WORK REQUEST:
Copying exactly, give the lines in the material below from the one with "#78=IFCINDEXEDPOLYGONALFACE((37,41,43,39));" to the one with "#90=IFCINDEXEDPOLYGONALFACE((61,66,70,63));", ends included, and nothing besides.

RECORD EXCERPTS START

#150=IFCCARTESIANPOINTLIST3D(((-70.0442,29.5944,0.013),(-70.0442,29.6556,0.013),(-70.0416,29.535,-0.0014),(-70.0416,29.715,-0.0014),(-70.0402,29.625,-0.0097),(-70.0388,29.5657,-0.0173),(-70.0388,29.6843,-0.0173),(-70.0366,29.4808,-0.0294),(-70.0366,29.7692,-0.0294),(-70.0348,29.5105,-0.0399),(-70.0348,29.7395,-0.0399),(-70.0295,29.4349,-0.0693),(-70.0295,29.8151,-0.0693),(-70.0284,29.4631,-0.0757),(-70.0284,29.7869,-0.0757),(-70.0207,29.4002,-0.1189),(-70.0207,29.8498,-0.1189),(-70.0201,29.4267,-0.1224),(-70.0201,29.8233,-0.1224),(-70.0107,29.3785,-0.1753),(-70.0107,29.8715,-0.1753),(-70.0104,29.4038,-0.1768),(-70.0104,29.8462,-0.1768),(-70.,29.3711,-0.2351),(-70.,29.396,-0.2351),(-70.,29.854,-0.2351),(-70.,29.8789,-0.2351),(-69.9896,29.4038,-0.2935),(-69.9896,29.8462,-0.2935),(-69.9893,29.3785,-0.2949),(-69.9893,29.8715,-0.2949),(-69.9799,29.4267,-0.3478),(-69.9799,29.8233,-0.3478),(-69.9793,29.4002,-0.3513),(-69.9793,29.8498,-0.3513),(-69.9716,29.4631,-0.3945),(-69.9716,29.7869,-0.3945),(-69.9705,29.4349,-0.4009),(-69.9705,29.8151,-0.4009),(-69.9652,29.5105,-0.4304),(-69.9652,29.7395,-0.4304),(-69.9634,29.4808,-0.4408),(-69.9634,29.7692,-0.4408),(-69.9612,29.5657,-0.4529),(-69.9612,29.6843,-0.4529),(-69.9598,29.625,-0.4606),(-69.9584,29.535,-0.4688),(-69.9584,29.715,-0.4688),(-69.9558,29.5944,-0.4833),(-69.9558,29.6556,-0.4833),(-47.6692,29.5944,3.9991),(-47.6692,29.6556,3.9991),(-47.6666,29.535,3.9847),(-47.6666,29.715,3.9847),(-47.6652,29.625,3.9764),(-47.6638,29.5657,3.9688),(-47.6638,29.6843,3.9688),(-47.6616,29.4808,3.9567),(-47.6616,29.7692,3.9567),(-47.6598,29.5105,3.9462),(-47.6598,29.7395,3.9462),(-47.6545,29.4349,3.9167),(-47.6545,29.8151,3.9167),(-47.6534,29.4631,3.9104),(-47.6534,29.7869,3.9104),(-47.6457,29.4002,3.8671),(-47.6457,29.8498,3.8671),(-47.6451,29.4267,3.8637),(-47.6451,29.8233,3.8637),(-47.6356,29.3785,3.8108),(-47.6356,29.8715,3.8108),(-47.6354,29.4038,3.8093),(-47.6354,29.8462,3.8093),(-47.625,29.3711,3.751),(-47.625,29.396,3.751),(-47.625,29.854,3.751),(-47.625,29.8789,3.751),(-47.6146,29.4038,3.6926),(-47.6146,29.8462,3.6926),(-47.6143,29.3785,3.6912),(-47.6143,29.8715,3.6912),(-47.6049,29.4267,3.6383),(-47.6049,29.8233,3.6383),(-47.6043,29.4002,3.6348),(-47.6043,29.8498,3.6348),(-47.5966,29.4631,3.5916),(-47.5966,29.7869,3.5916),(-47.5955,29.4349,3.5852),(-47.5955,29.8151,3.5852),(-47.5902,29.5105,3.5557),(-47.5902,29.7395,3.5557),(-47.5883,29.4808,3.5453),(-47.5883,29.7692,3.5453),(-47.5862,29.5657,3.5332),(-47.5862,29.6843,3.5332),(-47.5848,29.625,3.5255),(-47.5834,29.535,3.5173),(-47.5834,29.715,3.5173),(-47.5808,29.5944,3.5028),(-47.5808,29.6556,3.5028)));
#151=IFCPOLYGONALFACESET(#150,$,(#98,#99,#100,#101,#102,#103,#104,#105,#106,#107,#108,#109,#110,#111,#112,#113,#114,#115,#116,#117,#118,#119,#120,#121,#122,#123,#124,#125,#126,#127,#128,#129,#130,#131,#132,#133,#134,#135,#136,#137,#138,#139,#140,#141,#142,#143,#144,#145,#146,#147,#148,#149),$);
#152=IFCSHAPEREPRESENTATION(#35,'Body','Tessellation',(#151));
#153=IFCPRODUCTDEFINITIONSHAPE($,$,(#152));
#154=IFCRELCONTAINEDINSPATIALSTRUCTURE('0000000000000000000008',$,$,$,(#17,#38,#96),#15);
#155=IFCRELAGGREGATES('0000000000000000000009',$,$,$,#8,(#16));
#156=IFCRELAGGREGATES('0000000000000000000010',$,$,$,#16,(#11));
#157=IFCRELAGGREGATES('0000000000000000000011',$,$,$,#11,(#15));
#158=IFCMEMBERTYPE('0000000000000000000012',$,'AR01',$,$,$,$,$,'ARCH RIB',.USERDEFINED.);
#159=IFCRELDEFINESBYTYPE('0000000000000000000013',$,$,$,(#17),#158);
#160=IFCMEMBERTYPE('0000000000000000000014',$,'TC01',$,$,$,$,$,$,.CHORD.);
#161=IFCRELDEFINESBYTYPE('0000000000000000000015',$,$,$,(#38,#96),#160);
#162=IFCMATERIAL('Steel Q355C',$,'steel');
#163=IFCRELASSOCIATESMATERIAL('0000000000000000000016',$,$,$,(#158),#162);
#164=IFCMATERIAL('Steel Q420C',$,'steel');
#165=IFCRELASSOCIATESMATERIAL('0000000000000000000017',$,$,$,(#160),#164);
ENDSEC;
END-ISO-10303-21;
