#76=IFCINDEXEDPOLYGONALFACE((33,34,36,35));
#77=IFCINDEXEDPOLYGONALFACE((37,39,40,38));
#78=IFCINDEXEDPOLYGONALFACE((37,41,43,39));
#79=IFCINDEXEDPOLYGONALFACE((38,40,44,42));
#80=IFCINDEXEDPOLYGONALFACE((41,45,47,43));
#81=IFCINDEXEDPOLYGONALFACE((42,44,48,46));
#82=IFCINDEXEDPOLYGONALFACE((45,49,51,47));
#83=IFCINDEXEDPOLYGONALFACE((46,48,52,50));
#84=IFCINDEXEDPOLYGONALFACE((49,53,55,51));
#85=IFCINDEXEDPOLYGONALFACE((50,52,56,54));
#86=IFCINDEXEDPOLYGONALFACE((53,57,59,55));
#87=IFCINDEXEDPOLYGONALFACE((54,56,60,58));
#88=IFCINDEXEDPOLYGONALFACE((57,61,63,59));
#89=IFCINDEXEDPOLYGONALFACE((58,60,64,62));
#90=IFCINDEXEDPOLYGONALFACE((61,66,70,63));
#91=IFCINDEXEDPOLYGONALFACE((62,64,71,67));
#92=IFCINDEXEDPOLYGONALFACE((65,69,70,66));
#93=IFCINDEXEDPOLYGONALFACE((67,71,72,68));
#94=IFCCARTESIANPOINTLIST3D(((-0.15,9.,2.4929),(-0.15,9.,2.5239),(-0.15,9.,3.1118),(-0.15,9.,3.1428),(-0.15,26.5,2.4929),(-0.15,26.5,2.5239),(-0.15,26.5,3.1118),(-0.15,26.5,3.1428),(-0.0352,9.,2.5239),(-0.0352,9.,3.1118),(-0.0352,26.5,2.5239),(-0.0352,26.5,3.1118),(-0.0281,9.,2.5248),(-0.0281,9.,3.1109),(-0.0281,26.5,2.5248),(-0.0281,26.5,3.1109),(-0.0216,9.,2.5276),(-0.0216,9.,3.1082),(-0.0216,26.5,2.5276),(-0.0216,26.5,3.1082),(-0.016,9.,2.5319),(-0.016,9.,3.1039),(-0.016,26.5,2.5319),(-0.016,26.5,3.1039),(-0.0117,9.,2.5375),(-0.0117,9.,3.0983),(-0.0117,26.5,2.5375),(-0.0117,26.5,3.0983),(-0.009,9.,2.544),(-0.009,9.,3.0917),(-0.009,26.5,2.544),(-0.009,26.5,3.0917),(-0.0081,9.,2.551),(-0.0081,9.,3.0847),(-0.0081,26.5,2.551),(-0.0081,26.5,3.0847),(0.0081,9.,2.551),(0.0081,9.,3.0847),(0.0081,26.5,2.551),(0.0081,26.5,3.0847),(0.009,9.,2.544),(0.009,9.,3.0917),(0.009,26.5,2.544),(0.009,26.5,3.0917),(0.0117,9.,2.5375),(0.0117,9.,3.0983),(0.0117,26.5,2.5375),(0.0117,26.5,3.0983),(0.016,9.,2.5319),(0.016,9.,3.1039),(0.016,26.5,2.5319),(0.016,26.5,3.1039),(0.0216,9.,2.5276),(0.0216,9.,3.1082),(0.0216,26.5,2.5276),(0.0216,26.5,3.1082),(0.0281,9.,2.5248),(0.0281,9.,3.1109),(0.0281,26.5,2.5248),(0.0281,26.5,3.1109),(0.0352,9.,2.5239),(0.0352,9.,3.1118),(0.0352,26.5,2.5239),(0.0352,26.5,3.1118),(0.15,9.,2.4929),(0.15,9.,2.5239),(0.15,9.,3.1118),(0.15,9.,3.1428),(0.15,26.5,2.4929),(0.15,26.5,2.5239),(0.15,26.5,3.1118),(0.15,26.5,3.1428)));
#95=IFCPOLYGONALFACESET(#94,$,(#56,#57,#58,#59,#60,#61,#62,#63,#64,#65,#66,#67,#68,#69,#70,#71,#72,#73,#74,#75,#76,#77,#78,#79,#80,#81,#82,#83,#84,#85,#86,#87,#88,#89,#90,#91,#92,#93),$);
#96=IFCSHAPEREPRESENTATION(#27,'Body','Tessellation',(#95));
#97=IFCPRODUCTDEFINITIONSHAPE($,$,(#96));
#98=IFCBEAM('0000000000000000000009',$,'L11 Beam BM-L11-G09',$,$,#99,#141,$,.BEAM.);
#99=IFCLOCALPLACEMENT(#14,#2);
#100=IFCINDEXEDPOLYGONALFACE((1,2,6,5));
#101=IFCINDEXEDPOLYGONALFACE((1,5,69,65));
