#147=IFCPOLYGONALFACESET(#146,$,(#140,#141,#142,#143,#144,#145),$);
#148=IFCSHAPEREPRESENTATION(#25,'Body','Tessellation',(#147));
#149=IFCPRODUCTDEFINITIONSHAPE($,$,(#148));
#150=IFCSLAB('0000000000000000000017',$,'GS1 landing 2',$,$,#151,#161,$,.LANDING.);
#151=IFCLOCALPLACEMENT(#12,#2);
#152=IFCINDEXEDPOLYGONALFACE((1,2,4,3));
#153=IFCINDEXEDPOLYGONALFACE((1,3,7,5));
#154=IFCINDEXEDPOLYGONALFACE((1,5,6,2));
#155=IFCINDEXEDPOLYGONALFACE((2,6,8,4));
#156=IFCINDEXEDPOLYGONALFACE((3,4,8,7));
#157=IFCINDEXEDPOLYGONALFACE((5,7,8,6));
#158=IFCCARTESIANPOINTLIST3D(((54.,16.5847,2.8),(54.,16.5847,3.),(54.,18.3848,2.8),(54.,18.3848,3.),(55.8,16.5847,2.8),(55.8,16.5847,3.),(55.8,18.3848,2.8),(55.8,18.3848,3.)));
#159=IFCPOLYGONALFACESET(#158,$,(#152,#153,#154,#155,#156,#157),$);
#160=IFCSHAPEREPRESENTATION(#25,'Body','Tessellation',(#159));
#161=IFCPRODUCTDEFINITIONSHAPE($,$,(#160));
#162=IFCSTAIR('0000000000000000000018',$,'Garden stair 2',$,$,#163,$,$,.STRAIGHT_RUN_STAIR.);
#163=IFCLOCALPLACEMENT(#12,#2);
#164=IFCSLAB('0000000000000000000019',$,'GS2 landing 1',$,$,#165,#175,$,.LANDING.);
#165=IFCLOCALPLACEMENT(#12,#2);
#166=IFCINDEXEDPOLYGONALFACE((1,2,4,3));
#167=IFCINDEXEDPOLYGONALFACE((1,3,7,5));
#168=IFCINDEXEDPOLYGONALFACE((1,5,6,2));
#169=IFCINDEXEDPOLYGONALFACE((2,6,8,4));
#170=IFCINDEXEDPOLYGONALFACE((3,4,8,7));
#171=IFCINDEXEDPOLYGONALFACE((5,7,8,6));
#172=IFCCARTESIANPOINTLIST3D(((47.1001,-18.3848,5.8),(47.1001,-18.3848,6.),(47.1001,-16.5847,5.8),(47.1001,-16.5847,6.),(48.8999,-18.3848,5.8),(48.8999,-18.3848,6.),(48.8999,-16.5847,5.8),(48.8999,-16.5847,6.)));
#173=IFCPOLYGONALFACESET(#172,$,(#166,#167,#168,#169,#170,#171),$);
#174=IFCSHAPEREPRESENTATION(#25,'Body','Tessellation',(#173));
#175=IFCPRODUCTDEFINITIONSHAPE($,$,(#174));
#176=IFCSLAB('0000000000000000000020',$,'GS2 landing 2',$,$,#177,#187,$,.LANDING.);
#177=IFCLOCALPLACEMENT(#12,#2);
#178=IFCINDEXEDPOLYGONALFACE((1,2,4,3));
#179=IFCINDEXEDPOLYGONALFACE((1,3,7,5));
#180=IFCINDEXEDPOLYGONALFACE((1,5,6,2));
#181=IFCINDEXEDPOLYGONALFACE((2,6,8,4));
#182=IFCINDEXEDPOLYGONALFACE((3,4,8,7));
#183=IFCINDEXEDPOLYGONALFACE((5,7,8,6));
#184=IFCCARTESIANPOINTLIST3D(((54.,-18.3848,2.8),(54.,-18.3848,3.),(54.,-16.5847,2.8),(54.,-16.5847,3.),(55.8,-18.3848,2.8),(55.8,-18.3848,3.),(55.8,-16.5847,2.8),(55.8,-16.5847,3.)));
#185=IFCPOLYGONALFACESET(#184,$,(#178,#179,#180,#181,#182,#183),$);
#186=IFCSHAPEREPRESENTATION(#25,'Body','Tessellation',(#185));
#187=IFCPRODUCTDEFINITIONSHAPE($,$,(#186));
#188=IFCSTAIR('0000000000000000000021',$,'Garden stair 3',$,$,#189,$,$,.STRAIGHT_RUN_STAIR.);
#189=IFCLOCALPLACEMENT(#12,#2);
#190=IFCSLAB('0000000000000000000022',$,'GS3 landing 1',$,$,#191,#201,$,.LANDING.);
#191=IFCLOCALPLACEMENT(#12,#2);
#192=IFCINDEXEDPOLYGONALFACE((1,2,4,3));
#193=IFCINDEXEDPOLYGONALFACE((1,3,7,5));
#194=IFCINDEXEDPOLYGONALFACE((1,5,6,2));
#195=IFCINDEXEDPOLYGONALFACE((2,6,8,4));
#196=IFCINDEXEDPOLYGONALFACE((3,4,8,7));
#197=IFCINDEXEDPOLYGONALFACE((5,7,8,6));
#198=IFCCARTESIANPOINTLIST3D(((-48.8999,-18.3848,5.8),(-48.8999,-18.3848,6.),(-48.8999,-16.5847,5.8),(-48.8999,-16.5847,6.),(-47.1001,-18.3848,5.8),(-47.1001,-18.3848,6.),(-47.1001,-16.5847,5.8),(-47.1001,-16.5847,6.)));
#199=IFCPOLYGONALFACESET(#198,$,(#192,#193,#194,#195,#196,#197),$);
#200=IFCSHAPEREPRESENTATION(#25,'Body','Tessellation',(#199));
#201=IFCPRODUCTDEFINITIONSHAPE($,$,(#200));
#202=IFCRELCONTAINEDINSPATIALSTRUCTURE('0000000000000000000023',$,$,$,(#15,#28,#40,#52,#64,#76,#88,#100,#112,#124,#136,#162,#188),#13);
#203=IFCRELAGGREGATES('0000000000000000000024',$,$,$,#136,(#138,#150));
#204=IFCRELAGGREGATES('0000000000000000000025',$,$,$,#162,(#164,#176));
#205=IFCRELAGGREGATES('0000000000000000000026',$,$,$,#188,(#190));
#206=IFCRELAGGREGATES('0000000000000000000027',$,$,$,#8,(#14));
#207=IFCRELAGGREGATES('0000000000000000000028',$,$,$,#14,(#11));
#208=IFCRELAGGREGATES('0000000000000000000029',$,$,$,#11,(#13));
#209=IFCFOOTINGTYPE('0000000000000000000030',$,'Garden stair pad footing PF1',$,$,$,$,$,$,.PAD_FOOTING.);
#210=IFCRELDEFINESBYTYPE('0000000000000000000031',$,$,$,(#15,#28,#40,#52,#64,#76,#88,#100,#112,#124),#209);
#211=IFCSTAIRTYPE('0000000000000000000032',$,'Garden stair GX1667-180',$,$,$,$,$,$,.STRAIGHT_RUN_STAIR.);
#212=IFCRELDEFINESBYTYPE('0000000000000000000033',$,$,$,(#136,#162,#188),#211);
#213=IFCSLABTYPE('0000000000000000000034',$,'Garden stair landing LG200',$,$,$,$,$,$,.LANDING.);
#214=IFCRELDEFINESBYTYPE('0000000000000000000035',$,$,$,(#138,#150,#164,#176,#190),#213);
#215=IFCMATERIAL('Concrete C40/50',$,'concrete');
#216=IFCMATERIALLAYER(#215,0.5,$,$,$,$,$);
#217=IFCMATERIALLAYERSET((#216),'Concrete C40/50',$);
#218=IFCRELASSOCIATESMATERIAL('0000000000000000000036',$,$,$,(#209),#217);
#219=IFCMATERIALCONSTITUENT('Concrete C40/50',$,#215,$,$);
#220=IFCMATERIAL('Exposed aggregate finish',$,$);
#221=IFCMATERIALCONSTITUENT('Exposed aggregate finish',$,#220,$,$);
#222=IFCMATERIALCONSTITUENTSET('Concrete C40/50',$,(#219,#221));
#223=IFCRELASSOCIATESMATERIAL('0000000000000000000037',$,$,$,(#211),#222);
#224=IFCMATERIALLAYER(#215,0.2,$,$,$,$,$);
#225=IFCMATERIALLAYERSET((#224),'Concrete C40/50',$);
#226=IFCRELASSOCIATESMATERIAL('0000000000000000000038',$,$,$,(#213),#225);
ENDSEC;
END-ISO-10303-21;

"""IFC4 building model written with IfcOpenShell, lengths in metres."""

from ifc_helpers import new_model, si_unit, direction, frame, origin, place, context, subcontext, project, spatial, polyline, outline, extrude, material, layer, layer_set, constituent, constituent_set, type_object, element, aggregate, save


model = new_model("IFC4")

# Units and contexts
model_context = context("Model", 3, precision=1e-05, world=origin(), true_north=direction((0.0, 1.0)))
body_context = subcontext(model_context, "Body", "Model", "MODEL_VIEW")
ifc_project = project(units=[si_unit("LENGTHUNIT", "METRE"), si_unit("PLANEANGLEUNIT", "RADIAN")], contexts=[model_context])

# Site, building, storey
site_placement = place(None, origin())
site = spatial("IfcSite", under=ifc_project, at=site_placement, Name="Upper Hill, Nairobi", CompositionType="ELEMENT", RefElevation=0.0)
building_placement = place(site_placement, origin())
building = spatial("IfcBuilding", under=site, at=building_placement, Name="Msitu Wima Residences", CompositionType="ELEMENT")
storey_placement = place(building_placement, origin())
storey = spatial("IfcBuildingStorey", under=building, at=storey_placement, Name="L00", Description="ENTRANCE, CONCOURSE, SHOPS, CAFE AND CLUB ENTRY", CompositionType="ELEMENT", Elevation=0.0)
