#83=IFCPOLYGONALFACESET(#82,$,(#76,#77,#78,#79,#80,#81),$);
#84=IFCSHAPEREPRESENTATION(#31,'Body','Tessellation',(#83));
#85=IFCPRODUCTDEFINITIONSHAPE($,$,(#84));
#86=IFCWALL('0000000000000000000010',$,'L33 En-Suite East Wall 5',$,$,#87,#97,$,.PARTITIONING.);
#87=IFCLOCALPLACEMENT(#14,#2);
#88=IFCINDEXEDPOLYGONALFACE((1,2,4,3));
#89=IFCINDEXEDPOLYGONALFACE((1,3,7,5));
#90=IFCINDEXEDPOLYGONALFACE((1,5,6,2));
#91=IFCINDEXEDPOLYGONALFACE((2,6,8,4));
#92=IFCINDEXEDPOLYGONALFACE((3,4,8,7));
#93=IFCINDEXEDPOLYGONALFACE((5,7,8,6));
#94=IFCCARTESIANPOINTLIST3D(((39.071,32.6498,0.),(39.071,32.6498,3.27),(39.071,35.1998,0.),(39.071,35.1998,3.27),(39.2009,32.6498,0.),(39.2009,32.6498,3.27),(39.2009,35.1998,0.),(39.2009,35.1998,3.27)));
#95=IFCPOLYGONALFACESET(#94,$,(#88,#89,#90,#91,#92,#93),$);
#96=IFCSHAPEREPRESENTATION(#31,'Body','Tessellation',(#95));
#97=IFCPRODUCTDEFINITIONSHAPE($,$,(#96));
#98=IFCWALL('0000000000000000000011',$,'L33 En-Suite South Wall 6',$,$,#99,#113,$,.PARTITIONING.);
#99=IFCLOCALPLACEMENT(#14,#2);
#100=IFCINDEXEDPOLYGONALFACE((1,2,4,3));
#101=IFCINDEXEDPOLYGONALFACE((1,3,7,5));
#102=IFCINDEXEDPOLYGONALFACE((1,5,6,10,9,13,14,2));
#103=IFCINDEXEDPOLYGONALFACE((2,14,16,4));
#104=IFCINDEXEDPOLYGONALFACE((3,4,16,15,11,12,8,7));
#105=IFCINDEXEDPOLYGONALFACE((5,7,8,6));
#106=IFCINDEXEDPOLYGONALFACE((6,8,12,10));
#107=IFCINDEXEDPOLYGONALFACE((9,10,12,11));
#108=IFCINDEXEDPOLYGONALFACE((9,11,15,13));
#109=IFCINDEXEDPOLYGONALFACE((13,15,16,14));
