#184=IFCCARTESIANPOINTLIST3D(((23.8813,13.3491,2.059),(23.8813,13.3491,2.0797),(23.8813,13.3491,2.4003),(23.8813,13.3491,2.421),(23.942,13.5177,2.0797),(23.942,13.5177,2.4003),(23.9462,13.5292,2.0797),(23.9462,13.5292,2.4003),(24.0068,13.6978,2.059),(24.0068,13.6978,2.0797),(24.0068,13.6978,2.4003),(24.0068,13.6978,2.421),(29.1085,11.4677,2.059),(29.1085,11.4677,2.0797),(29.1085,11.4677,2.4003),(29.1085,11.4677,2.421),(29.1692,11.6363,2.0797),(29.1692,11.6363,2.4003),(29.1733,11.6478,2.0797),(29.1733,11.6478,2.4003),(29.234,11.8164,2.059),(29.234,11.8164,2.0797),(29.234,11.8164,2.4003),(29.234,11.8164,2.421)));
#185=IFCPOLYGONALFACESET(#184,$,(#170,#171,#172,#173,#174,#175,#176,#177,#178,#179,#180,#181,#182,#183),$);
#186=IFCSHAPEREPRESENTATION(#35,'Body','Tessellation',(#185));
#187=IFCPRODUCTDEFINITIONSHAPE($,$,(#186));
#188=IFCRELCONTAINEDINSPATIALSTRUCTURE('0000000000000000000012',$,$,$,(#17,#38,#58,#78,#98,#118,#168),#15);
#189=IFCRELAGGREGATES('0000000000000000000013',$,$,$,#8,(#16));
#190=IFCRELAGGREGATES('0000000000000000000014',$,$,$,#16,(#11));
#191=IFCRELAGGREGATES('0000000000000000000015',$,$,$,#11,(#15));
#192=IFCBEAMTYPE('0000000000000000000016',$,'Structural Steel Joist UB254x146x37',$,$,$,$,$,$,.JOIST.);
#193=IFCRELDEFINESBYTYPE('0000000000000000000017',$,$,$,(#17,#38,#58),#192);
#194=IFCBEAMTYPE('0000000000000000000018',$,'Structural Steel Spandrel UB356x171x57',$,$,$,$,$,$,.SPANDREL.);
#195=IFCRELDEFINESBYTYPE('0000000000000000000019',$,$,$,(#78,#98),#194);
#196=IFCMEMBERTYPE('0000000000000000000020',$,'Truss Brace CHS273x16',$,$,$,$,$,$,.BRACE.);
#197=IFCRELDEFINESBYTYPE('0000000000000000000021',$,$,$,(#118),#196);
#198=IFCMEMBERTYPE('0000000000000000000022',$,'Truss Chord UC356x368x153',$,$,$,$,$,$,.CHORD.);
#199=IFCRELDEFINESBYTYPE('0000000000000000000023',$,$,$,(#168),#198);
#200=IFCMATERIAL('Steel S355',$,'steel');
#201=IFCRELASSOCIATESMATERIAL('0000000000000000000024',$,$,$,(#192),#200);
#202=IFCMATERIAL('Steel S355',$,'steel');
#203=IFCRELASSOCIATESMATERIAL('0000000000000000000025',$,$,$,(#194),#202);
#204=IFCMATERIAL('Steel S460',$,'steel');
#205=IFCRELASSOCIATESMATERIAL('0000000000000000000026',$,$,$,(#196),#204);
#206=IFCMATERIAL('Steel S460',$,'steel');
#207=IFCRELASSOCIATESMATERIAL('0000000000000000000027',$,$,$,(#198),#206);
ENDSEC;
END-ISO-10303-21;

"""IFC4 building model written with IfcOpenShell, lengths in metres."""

RECORD EXCERPTS END

EXERCISE SOLUTION:
#78=IFCINDEXEDPOLYGONALFACE((37,41,43,39));
#79=IFCINDEXEDPOLYGONALFACE((38,40,44,42));
#80=IFCINDEXEDPOLYGONALFACE((41,45,47,43));
#81=IFCINDEXEDPOLYGONALFACE((42,44,48,46));
#82=IFCINDEXEDPOLYGONALFACE((45,49,51,47));
#83=IFCINDEXEDPOLYGONALFACE((46,48,52,50));
#84=IFCINDEXEDPOLYGONALFACE((49,53,55,51));
#85=IFCINDEXEDPOLYGONALFACE((50,52,56,54));
#86=IFCINDEXEDPOLYGONALFACE((53,57,59,55));
#87=IFCINDEXEDPOLYGONALFACE((54,56,60,58));
#88=IFCINDEXEDPOLYGONALFACE((57,61,63,59));
#89=IFCINDEXEDPOLYGONALFACE((58,60,64,62));
#90=IFCINDEXEDPOLYGONALFACE((61,66,70,63));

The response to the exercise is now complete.